▶ [TASK ITEM]: Report the tally of lines featuring the word "direction" in the entries below, without anything else.

▶ [TASK DATA]:
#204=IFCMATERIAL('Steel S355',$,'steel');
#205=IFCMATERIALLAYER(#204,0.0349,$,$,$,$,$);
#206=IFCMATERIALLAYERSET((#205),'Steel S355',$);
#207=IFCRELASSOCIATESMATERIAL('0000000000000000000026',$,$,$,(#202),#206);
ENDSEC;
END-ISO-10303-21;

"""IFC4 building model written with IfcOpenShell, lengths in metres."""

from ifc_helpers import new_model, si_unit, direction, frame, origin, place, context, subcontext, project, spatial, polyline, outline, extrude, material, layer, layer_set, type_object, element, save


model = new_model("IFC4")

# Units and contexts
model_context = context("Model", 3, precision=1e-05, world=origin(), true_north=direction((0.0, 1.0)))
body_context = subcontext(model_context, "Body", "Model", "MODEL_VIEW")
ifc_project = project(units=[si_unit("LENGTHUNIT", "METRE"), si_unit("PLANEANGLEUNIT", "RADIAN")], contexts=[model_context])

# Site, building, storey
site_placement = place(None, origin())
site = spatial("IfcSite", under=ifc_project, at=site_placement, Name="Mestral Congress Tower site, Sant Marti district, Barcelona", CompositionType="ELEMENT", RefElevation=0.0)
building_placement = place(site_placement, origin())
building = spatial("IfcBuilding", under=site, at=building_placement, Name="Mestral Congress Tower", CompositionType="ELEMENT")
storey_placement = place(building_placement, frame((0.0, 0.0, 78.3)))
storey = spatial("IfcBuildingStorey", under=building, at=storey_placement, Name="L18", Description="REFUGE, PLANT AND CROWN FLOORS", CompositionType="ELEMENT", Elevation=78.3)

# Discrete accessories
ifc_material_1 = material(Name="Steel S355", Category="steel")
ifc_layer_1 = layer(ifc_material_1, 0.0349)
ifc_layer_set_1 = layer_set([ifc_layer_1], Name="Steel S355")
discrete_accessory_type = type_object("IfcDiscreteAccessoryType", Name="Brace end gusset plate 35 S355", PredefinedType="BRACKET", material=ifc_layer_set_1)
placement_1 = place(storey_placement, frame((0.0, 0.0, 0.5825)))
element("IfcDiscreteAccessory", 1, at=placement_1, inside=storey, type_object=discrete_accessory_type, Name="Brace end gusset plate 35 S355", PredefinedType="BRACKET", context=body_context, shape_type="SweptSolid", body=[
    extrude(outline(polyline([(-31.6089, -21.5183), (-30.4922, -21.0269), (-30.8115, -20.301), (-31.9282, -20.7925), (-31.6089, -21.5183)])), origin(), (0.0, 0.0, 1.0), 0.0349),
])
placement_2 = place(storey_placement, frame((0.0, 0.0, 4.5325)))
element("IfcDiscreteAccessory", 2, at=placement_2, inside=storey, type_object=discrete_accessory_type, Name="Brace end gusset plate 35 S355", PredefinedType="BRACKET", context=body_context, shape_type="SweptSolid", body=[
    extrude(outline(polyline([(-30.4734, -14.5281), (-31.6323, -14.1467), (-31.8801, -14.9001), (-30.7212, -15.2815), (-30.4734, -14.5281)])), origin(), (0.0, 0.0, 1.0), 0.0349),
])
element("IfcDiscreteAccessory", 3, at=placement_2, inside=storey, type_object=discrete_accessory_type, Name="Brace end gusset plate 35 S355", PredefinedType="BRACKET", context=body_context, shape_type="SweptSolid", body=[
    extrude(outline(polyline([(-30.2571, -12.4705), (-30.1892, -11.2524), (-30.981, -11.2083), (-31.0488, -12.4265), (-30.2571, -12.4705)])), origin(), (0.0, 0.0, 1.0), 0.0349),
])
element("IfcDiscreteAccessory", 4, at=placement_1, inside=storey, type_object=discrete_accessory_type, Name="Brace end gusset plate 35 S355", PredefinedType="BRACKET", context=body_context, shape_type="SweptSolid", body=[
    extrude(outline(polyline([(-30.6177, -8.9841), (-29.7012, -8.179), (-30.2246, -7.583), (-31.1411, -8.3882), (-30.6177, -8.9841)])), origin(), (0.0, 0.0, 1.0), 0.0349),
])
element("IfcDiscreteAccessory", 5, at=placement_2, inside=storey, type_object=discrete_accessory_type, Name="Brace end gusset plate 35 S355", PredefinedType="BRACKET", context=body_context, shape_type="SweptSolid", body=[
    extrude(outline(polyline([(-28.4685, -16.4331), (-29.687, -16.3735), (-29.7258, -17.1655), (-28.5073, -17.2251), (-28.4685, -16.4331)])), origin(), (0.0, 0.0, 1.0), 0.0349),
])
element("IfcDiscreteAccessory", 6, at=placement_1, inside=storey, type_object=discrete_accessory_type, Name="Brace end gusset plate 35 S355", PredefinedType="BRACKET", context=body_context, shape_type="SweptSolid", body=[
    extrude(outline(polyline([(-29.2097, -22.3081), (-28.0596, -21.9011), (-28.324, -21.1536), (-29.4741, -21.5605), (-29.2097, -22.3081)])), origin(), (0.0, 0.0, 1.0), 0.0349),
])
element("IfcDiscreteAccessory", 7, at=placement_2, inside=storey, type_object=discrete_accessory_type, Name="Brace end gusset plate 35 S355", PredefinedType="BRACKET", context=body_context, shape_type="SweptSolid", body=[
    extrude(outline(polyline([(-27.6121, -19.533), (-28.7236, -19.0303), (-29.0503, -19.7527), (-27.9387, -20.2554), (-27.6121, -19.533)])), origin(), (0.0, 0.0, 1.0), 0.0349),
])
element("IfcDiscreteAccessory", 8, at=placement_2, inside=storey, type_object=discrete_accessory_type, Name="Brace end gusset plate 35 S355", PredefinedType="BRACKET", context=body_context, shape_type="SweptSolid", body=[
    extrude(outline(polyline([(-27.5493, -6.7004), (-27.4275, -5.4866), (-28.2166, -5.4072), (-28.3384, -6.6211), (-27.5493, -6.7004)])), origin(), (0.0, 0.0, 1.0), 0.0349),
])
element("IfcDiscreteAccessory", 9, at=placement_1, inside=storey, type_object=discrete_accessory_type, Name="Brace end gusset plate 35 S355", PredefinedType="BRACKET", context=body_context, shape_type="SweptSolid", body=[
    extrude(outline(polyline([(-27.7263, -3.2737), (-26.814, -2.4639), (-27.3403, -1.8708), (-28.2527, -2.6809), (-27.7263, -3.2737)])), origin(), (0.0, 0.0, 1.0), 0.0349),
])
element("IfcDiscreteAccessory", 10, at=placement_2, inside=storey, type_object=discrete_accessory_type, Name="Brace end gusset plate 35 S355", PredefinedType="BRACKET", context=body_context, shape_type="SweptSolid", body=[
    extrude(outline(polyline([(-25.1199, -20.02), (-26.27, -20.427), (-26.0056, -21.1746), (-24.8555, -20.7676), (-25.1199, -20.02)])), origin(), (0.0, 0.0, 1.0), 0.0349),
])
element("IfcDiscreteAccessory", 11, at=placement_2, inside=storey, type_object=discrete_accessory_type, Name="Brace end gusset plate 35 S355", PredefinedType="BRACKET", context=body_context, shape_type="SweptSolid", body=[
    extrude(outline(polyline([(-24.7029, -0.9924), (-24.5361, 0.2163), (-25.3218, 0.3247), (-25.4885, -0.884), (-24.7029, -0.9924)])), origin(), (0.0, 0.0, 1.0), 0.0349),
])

▶ [WRITTEN ANSWER]: 2